## Problem description
Both the line below containing "#49=IFCINDEXEDPOLYGONALFACE((2,10,16,8));" and the line containing "#55=IFCINDEXEDPOLYGONALFACE((9,11,12,14,13,15,16,10));", along with every line between them, should be repeated exactly; no other line belongs in the answer.

## Exercise data
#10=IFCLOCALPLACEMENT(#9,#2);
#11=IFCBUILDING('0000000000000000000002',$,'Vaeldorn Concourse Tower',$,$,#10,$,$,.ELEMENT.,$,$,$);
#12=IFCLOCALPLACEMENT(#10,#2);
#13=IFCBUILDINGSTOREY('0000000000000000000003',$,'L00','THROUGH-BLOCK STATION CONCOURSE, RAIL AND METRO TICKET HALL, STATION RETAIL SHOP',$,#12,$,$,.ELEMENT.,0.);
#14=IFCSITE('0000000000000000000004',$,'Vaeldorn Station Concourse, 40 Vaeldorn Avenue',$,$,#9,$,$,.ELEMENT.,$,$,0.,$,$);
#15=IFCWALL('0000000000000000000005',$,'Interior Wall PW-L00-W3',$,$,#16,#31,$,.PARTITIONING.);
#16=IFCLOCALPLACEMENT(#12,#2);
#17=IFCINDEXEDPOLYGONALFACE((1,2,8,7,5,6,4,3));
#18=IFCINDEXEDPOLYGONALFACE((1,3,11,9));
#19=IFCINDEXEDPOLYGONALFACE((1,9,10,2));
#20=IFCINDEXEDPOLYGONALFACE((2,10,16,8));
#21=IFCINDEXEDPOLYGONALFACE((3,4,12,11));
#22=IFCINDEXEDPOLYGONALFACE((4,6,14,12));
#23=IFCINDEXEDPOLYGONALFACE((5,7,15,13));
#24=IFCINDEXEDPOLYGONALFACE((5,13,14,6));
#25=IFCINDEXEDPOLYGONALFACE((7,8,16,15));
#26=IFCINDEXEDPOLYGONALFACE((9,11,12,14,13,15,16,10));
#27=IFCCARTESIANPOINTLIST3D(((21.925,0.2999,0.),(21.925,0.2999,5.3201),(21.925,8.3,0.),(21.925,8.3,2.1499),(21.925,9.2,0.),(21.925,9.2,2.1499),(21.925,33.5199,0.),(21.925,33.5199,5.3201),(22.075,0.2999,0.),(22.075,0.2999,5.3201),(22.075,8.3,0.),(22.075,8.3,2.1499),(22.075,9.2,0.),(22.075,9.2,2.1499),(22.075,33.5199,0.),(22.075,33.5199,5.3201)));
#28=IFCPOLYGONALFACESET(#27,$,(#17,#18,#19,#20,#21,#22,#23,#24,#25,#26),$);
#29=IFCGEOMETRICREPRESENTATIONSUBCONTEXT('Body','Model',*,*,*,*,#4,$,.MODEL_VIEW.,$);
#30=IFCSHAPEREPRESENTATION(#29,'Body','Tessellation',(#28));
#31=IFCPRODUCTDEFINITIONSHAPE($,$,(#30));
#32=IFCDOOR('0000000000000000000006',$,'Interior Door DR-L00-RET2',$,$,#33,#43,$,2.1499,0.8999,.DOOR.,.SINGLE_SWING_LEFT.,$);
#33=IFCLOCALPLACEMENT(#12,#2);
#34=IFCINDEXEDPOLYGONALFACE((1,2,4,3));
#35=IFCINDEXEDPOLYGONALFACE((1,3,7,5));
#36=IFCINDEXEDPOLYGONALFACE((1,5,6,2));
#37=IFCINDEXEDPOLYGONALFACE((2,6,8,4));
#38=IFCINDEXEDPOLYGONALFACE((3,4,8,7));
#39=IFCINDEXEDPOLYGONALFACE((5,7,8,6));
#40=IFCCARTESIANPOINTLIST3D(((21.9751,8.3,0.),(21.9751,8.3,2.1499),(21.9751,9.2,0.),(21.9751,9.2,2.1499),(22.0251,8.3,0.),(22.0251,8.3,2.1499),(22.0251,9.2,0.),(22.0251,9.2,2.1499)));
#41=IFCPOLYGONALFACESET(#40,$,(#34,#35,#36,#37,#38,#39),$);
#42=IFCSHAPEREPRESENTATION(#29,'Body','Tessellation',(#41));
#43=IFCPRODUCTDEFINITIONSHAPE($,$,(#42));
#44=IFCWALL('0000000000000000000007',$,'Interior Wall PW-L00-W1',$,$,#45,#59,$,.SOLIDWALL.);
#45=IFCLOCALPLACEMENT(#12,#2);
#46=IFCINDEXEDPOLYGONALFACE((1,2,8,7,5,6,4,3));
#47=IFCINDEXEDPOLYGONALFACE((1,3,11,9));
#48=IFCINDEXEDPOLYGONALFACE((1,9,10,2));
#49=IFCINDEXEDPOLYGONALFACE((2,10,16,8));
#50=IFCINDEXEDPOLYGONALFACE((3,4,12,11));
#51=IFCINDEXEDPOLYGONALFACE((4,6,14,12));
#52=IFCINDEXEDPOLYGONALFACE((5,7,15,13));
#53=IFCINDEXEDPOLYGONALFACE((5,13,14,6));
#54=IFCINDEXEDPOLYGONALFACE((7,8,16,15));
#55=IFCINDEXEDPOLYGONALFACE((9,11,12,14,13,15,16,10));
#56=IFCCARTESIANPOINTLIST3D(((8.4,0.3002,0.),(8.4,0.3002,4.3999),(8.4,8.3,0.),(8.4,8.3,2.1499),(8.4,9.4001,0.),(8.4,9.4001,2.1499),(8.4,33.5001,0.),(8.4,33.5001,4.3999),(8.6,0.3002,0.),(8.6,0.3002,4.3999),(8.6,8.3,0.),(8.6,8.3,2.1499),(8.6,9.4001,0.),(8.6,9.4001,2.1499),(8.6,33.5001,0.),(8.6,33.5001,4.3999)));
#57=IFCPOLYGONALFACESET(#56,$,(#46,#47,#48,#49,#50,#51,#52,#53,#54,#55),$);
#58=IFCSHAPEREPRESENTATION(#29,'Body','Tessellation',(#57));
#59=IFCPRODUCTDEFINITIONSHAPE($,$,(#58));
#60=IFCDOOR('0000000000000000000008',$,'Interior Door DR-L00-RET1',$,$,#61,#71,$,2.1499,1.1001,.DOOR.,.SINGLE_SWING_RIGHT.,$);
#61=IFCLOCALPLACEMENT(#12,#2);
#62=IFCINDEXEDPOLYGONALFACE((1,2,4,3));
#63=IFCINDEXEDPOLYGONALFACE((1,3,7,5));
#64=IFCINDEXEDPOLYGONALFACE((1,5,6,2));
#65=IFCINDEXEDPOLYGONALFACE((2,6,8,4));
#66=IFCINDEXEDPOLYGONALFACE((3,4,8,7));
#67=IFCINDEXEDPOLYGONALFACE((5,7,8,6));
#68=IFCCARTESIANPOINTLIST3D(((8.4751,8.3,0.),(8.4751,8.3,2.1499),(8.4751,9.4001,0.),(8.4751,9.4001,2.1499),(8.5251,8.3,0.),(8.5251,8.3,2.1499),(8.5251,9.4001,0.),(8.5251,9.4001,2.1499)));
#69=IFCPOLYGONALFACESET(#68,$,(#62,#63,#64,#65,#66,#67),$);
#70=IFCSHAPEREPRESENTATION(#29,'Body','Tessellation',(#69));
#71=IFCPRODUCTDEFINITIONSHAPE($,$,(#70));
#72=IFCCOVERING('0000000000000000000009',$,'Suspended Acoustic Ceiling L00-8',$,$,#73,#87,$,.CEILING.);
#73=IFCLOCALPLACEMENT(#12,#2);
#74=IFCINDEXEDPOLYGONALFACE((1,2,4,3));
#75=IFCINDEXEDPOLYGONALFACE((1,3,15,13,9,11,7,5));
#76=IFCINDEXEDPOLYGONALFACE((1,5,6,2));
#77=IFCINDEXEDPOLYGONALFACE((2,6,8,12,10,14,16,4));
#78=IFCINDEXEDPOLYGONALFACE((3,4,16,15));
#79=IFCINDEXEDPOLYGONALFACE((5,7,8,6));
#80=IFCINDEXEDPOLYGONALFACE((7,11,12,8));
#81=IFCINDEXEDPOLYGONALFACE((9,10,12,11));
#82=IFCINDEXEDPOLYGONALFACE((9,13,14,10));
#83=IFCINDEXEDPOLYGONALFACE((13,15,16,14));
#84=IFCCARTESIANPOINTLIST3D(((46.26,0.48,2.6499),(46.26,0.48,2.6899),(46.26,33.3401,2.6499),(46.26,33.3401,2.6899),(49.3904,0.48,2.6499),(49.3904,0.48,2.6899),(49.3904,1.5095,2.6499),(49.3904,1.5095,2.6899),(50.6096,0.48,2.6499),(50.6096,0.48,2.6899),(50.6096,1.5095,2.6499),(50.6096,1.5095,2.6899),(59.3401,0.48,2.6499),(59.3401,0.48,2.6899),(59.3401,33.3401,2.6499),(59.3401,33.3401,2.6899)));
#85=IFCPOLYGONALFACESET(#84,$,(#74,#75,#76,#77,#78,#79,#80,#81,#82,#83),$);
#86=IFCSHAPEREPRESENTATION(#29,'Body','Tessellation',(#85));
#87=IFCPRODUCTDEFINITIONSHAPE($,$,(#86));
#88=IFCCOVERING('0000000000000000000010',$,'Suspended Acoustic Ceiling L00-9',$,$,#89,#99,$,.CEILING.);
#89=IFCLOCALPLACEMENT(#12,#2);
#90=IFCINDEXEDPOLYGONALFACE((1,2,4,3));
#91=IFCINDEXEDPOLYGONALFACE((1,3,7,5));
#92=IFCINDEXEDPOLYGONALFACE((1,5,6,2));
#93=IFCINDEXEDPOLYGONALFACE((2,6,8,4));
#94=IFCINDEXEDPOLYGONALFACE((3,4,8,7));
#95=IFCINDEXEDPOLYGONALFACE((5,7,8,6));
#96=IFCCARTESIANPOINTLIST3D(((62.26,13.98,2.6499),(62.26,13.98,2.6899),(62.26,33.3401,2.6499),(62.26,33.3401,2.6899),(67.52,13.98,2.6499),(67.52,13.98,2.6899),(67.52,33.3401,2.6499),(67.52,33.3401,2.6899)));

## Problem solution
#49=IFCINDEXEDPOLYGONALFACE((2,10,16,8));
#50=IFCINDEXEDPOLYGONALFACE((3,4,12,11));
#51=IFCINDEXEDPOLYGONALFACE((4,6,14,12));
#52=IFCINDEXEDPOLYGONALFACE((5,7,15,13));
#53=IFCINDEXEDPOLYGONALFACE((5,13,14,6));
#54=IFCINDEXEDPOLYGONALFACE((7,8,16,15));
#55=IFCINDEXEDPOLYGONALFACE((9,11,12,14,13,15,16,10));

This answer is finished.